▶ [Dataset records]
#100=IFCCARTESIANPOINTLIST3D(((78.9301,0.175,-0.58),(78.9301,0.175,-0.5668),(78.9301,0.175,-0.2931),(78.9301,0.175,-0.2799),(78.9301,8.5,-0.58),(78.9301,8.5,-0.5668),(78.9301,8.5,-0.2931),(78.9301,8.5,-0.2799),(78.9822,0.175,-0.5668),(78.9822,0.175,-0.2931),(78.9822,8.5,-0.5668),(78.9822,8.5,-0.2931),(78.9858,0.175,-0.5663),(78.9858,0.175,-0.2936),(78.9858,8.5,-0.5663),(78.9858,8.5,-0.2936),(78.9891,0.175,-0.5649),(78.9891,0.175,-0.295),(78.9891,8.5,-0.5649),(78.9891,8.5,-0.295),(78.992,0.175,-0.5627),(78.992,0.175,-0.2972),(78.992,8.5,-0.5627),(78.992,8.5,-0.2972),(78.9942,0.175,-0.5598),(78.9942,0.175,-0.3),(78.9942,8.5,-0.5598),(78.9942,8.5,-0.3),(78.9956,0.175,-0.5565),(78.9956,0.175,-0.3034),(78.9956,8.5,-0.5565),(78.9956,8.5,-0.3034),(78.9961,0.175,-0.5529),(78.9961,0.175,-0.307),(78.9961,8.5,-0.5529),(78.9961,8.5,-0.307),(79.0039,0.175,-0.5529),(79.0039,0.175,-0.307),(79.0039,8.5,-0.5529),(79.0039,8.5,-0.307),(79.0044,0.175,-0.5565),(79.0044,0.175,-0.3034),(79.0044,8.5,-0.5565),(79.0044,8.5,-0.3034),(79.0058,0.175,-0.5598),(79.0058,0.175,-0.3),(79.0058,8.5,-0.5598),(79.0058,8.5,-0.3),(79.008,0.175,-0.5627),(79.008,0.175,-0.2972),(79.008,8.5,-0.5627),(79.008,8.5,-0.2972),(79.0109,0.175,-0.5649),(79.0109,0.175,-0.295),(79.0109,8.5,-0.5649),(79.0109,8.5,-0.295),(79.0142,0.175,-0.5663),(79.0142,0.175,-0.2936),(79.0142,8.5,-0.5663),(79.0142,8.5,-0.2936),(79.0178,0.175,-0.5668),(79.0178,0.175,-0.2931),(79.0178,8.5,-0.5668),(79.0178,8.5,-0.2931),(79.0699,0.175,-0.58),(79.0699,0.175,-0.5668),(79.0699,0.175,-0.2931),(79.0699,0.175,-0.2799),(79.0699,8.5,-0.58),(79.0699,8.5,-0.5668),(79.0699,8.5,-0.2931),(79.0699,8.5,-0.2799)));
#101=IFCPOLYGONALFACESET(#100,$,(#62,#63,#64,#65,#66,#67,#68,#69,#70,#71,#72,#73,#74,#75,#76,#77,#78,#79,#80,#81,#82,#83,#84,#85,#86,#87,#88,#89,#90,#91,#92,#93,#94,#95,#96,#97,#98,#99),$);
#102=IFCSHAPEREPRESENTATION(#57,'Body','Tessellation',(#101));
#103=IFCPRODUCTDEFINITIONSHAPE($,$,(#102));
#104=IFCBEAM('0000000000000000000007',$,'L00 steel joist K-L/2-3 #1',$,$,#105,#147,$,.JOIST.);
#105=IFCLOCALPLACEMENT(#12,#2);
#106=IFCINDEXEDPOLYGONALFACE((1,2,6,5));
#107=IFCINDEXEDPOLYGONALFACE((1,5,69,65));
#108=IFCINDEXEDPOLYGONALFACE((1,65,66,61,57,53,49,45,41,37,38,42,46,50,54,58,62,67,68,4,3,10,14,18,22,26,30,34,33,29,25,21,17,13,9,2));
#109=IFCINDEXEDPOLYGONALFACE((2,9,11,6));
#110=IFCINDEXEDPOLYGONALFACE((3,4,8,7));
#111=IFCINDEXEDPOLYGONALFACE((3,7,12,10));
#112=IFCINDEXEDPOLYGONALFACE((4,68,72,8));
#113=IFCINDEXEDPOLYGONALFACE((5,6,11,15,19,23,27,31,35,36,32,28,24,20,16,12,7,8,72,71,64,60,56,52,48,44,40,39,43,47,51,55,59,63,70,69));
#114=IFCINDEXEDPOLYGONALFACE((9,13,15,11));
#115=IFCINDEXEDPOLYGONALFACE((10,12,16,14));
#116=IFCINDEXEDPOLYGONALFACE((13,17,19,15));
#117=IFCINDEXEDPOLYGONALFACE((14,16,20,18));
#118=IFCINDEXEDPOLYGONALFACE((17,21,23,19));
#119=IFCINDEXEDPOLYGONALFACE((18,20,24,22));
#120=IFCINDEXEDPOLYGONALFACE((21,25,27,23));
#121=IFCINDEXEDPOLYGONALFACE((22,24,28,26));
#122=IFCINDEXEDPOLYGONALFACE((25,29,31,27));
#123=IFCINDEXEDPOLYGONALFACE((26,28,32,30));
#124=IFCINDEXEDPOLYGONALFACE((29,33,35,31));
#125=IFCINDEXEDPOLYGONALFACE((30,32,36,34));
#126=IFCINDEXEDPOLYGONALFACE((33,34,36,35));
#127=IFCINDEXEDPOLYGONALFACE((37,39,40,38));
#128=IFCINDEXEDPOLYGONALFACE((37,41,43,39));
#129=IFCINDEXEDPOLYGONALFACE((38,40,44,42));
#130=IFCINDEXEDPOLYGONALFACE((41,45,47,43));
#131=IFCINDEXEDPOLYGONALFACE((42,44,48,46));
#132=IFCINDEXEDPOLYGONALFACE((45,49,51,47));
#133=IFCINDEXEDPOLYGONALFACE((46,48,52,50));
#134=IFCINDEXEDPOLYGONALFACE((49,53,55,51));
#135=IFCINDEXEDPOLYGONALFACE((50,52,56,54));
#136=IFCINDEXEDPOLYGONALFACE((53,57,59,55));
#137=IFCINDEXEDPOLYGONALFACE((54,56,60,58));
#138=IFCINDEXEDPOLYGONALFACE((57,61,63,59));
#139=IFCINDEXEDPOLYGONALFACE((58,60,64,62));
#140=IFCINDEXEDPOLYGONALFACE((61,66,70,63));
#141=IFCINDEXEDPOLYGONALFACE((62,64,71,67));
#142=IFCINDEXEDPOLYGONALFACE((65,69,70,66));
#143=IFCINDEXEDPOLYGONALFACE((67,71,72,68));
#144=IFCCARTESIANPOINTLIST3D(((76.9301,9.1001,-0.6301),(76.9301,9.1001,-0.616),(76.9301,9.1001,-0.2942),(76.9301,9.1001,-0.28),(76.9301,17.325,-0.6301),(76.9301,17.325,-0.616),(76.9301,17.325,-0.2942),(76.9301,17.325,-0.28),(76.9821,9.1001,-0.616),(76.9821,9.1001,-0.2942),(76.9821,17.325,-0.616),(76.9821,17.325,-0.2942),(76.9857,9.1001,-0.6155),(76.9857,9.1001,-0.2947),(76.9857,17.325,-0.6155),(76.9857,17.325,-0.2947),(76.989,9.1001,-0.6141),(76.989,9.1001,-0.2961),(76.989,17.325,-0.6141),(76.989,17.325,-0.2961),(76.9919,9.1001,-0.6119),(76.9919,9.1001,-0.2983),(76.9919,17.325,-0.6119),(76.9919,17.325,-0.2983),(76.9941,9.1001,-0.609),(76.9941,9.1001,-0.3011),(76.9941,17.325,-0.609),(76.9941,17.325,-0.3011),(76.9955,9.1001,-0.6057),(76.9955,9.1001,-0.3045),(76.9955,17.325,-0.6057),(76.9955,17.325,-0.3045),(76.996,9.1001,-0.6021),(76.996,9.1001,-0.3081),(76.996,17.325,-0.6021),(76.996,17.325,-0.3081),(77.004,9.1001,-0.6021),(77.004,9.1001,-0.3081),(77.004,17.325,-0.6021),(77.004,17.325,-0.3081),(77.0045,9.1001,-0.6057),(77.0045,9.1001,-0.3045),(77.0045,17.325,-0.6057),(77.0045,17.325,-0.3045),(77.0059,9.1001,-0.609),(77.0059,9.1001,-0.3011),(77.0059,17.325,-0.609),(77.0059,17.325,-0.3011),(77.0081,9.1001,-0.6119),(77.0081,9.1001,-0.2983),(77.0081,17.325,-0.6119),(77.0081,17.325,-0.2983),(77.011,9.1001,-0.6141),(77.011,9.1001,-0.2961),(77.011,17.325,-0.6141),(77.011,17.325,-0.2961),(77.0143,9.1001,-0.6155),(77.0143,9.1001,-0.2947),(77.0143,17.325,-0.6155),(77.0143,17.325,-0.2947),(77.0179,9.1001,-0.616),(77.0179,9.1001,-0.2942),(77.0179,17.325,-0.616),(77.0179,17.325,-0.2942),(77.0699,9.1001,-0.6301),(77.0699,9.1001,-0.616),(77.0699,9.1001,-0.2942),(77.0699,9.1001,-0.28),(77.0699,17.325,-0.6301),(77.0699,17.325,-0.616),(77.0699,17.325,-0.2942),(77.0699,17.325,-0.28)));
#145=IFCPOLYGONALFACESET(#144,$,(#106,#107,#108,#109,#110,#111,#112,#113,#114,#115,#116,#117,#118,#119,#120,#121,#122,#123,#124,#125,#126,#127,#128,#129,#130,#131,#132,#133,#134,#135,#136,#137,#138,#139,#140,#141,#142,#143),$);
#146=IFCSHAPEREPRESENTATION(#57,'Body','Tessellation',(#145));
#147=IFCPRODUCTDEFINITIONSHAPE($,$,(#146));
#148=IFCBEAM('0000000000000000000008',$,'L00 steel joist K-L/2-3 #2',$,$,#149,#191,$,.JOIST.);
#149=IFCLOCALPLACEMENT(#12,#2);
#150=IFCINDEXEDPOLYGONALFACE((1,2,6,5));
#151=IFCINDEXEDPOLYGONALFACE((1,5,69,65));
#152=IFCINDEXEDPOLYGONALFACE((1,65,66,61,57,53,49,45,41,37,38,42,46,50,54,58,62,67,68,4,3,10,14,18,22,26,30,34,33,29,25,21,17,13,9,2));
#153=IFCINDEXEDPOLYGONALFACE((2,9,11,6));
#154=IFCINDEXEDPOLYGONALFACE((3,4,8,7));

▶ [Aim of the task] Please give an exact copy of the lines above, beginning with the line containing "#127=IFCINDEXEDPOLYGONALFACE((37,39,40,38));" and running through the line containing "#131=IFCINDEXEDPOLYGONALFACE((42,44,48,46));", and of no other lines.

▶ [Output]
#127=IFCINDEXEDPOLYGONALFACE((37,39,40,38));
#128=IFCINDEXEDPOLYGONALFACE((37,41,43,39));
#129=IFCINDEXEDPOLYGONALFACE((38,40,44,42));
#130=IFCINDEXEDPOLYGONALFACE((41,45,47,43));
#131=IFCINDEXEDPOLYGONALFACE((42,44,48,46));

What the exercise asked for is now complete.